Required work
Copy nothing but the lines below running from the line containing "S1 half landing" through the line containing "S2 half landing", both end lines included.

(Stored data)
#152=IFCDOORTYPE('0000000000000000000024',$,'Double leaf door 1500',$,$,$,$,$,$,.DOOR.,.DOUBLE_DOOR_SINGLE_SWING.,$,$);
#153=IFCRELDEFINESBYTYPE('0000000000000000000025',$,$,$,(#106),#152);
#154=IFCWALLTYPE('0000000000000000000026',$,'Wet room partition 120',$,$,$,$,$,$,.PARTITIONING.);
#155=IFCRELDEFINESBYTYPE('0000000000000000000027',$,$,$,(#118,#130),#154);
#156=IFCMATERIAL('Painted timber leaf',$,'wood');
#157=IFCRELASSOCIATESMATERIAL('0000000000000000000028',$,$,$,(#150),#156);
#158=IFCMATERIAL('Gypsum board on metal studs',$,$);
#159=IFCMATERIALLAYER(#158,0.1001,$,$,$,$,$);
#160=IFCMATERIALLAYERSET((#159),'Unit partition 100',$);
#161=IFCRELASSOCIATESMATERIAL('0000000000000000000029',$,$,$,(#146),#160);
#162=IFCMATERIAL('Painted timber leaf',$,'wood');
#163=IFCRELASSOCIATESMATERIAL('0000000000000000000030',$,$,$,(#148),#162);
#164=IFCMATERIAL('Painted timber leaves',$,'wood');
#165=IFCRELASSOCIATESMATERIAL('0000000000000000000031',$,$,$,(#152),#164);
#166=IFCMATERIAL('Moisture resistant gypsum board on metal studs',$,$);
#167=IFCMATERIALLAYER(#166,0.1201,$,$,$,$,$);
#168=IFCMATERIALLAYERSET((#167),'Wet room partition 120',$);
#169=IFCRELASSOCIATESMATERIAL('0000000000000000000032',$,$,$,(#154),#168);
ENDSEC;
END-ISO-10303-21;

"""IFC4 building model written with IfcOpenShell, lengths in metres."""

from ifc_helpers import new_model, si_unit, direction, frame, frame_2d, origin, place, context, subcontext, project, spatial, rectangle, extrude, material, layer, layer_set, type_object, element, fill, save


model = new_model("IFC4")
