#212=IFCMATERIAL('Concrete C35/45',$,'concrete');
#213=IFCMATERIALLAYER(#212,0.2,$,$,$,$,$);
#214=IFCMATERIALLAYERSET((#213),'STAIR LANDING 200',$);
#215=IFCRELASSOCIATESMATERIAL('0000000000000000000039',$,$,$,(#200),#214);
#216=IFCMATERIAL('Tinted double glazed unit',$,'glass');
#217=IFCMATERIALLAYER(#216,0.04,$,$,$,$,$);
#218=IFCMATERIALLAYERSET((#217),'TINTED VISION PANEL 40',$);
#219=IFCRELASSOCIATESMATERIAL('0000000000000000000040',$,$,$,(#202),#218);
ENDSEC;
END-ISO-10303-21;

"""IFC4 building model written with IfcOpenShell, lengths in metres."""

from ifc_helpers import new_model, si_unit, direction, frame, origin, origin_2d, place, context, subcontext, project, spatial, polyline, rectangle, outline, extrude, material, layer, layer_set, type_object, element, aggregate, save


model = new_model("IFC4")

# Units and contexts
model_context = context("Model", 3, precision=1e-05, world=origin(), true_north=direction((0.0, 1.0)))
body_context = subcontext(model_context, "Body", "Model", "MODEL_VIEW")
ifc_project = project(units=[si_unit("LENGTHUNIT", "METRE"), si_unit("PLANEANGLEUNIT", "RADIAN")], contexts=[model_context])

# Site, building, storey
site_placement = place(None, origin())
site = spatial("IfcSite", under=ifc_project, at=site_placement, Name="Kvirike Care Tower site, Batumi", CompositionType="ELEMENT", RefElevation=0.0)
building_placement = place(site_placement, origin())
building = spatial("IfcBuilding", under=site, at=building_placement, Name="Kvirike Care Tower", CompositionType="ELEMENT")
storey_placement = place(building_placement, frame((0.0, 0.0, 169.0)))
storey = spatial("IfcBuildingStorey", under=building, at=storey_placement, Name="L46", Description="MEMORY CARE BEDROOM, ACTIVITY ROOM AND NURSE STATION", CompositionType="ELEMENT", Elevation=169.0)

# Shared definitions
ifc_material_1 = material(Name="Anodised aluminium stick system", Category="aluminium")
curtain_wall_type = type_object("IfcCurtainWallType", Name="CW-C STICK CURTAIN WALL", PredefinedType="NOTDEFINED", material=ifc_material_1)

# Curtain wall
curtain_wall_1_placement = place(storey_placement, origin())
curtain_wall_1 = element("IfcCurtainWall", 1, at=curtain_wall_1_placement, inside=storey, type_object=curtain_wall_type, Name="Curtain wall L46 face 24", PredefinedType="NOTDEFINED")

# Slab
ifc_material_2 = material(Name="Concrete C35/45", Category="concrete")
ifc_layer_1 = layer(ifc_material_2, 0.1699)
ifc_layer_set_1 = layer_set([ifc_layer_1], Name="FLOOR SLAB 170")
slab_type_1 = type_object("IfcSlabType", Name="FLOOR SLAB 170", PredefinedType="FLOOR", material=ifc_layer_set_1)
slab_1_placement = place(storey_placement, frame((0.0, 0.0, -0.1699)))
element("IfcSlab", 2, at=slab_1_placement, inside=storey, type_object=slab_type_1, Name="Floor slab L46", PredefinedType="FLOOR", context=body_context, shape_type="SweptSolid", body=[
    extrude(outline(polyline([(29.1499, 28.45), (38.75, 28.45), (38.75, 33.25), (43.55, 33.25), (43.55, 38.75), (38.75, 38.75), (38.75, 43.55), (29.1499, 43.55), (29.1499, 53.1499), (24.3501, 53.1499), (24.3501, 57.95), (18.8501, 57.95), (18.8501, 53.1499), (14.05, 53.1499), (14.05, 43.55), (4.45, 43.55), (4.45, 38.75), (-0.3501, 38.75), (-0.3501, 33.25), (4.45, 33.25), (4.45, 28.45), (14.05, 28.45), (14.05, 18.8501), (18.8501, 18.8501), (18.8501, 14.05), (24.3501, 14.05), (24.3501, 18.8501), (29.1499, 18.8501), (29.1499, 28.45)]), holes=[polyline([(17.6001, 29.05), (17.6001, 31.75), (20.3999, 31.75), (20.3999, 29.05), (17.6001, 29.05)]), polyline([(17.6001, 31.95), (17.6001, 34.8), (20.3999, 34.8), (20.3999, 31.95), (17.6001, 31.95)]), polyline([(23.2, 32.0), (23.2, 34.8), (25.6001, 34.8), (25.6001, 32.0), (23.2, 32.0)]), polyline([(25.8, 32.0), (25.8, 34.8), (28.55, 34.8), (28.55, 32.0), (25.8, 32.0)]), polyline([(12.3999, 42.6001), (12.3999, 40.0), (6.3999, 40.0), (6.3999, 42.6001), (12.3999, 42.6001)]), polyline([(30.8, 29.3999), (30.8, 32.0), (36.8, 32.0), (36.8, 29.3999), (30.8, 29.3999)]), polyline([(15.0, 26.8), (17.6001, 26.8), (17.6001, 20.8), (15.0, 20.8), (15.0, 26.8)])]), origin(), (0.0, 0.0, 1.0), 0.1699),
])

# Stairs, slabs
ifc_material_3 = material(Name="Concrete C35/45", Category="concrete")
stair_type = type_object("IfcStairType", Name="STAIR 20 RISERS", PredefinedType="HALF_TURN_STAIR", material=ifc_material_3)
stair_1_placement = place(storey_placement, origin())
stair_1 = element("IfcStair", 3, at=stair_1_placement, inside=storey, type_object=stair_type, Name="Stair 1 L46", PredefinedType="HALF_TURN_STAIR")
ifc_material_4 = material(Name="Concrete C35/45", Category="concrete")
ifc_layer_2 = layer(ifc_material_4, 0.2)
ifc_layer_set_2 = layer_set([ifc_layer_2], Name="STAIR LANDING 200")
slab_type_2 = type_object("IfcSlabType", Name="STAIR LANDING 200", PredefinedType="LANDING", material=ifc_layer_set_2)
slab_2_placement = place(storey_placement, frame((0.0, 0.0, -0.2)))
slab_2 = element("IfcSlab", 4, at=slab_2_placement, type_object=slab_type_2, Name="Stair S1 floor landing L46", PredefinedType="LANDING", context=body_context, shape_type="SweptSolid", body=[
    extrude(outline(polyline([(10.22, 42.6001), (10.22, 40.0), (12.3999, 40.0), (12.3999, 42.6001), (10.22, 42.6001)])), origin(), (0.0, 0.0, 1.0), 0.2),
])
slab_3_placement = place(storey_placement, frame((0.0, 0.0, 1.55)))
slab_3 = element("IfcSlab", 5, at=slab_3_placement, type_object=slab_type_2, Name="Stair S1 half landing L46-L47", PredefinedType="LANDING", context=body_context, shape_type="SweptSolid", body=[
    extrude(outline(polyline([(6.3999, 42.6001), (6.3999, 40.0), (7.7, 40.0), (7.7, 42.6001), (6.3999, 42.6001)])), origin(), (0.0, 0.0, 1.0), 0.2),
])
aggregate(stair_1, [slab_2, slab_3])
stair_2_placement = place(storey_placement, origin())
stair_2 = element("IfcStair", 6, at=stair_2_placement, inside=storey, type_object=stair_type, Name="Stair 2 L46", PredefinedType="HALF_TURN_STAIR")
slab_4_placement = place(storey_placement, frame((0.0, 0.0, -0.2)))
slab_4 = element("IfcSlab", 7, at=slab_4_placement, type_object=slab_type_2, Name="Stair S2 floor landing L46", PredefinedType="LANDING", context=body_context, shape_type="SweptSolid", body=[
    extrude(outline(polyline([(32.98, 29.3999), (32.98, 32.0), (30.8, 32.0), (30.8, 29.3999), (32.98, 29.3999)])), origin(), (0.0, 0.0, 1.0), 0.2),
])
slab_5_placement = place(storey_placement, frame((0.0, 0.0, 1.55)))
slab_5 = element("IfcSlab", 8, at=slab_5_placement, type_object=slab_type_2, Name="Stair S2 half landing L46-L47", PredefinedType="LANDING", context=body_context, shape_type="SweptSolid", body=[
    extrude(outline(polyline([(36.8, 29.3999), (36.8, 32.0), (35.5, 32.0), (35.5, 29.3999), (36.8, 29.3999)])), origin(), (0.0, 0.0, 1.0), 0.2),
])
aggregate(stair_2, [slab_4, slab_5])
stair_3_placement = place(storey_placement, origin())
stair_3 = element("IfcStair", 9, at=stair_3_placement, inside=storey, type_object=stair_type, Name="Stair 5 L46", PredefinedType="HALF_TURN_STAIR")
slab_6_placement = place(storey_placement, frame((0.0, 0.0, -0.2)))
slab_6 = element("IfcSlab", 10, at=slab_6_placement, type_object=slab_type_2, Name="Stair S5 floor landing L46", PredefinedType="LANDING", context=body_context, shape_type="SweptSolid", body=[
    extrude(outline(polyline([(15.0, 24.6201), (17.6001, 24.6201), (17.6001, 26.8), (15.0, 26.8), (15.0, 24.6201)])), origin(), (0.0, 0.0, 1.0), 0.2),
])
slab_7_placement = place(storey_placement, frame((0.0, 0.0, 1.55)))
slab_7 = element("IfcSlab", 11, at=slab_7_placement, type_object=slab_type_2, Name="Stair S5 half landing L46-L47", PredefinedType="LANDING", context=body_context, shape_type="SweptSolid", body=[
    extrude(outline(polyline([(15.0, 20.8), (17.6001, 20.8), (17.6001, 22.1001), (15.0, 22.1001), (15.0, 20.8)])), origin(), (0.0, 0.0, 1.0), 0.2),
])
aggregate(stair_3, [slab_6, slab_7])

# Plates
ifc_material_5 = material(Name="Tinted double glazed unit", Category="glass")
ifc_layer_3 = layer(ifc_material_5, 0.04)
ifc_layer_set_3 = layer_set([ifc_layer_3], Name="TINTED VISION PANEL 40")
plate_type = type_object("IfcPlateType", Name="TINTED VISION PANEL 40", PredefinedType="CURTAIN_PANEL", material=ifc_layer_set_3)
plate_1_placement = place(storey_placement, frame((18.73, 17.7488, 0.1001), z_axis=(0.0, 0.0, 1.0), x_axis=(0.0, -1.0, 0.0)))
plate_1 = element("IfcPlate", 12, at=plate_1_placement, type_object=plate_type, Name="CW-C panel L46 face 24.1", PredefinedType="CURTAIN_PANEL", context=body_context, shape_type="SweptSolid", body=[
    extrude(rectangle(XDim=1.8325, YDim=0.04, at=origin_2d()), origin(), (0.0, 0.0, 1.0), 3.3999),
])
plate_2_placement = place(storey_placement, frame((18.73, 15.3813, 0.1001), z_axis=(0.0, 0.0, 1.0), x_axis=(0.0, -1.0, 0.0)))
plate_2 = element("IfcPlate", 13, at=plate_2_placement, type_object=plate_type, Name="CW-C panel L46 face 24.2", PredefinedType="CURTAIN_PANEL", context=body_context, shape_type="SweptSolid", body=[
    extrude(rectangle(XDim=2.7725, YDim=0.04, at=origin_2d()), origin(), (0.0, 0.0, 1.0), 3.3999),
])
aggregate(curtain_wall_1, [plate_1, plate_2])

Written reply
slab_3 = element("IfcSlab", 5, at=slab_3_placement, type_object=slab_type_2, Name="Stair S1 half landing L46-L47", PredefinedType="LANDING", context=body_context, shape_type="SweptSolid", body=[
    extrude(outline(polyline([(6.3999, 42.6001), (6.3999, 40.0), (7.7, 40.0), (7.7, 42.6001), (6.3999, 42.6001)])), origin(), (0.0, 0.0, 1.0), 0.2),
])
aggregate(stair_1, [slab_2, slab_3])
stair_2_placement = place(storey_placement, origin())
stair_2 = element("IfcStair", 6, at=stair_2_placement, inside=storey, type_object=stair_type, Name="Stair 2 L46", PredefinedType="HALF_TURN_STAIR")
slab_4_placement = place(storey_placement, frame((0.0, 0.0, -0.2)))
slab_4 = element("IfcSlab", 7, at=slab_4_placement, type_object=slab_type_2, Name="Stair S2 floor landing L46", PredefinedType="LANDING", context=body_context, shape_type="SweptSolid", body=[
    extrude(outline(polyline([(32.98, 29.3999), (32.98, 32.0), (30.8, 32.0), (30.8, 29.3999), (32.98, 29.3999)])), origin(), (0.0, 0.0, 1.0), 0.2),
])
slab_5_placement = place(storey_placement, frame((0.0, 0.0, 1.55)))
slab_5 = element("IfcSlab", 8, at=slab_5_placement, type_object=slab_type_2, Name="Stair S2 half landing L46-L47", PredefinedType="LANDING", context=body_context, shape_type="SweptSolid", body=[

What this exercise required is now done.